» INFORMATION:
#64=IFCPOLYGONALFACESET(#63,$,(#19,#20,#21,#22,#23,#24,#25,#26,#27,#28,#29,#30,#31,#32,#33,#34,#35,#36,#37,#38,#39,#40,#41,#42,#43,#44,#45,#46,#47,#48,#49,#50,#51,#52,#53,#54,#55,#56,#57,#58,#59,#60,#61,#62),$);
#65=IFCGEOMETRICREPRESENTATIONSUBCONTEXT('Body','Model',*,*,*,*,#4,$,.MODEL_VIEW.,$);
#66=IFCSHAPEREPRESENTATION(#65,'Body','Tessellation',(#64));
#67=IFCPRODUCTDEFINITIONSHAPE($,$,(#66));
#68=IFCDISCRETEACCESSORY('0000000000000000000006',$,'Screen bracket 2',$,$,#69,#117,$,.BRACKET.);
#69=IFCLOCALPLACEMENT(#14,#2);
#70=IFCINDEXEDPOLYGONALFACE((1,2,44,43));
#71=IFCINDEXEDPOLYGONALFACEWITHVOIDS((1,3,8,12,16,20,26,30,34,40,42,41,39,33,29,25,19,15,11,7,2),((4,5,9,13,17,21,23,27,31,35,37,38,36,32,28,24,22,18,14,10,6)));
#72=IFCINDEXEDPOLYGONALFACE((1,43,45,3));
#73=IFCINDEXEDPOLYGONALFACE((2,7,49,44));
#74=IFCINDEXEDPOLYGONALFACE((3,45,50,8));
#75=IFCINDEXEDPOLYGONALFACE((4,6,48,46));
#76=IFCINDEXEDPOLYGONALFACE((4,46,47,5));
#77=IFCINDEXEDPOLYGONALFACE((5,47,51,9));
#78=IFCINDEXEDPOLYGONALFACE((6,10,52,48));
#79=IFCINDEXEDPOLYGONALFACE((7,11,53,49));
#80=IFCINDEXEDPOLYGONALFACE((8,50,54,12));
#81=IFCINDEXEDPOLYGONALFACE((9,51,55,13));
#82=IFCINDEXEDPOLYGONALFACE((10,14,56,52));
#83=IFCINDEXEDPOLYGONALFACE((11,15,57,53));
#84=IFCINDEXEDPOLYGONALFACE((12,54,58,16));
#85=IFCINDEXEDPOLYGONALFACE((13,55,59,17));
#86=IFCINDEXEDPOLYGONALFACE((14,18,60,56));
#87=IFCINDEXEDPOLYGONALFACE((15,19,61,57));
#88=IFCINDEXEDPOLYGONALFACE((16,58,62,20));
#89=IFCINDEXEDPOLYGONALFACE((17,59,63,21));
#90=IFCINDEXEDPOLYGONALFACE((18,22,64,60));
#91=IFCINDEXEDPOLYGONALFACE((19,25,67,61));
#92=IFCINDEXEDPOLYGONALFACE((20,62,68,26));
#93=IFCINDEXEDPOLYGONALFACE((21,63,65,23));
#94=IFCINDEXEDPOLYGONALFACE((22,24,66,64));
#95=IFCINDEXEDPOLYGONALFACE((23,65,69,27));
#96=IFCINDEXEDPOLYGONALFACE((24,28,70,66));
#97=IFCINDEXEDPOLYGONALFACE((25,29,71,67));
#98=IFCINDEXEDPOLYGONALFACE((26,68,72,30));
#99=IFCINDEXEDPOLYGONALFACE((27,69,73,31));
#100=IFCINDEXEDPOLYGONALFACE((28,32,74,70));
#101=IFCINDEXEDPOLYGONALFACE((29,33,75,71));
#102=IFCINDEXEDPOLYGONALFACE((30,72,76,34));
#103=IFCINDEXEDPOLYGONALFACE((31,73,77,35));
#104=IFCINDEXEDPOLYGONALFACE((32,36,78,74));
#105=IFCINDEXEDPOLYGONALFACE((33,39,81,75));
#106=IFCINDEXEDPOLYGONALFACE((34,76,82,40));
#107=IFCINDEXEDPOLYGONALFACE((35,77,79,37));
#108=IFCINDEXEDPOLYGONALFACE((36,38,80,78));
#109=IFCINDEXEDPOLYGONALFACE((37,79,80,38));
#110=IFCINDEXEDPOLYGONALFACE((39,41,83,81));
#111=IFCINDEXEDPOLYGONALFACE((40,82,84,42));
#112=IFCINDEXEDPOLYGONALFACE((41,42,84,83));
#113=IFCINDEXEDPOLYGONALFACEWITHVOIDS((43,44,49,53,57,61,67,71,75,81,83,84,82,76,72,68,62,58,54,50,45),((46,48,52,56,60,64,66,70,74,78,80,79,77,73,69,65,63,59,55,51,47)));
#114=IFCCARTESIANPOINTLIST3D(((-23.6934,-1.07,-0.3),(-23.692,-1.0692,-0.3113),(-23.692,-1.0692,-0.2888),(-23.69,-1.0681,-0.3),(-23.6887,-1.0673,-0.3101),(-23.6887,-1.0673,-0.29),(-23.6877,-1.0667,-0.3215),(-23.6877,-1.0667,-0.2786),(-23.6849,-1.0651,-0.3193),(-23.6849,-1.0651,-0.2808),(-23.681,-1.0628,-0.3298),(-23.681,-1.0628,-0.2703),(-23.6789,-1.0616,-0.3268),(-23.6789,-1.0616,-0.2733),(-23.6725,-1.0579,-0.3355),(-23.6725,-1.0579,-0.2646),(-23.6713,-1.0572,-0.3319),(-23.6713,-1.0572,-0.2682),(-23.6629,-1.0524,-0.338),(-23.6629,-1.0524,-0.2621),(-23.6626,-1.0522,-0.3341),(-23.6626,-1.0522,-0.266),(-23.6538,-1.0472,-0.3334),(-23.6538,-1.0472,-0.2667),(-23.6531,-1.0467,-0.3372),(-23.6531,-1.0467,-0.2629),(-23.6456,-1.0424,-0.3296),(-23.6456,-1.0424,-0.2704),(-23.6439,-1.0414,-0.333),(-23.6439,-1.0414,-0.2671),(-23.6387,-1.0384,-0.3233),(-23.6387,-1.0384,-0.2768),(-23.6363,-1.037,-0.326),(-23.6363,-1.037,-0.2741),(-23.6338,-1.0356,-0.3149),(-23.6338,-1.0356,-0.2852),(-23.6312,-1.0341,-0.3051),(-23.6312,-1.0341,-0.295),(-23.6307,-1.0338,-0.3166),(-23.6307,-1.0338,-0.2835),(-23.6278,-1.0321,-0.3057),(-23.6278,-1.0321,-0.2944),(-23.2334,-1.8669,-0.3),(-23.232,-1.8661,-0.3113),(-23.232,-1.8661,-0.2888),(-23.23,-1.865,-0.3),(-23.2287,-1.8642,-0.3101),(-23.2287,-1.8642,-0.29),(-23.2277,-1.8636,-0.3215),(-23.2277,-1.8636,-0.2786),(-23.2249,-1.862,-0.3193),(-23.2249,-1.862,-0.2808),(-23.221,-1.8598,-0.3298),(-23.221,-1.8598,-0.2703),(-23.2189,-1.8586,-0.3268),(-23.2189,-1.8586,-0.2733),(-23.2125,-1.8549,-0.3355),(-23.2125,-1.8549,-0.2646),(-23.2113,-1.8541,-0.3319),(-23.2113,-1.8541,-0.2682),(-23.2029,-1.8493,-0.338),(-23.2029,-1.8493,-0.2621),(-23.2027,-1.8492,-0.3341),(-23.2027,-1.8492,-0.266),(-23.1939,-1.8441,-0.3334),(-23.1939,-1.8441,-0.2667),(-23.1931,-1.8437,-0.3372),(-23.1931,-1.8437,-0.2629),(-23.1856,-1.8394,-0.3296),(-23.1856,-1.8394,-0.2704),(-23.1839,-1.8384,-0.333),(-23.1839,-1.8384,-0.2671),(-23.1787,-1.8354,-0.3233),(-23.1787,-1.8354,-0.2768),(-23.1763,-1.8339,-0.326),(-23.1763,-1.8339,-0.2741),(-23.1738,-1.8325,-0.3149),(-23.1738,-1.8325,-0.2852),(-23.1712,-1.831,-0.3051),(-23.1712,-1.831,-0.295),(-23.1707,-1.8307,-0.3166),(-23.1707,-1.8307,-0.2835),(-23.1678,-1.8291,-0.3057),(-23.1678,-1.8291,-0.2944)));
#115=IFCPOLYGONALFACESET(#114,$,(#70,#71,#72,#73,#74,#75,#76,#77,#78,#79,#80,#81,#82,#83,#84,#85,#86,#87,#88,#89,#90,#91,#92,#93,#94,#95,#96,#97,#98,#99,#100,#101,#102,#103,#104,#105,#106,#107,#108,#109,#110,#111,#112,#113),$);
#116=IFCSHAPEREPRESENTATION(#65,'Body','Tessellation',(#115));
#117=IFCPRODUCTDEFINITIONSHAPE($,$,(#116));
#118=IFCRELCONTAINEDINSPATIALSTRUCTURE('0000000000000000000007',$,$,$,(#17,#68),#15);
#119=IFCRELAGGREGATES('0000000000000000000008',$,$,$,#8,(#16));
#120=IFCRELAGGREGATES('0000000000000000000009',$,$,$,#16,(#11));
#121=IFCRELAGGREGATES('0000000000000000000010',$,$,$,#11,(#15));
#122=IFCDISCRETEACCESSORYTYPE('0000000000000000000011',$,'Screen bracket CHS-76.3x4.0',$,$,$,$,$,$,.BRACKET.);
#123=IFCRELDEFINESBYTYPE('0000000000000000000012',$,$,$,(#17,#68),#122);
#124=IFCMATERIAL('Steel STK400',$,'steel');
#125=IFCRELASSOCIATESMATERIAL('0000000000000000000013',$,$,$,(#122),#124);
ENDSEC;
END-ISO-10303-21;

» TO DO: Show each line in the listing above that has "bracket".

» YOUR RESPONSE:
#68=IFCDISCRETEACCESSORY('0000000000000000000006',$,'Screen bracket 2',$,$,#69,#117,$,.BRACKET.);
#122=IFCDISCRETEACCESSORYTYPE('0000000000000000000011',$,'Screen bracket CHS-76.3x4.0',$,$,$,$,$,$,.BRACKET.);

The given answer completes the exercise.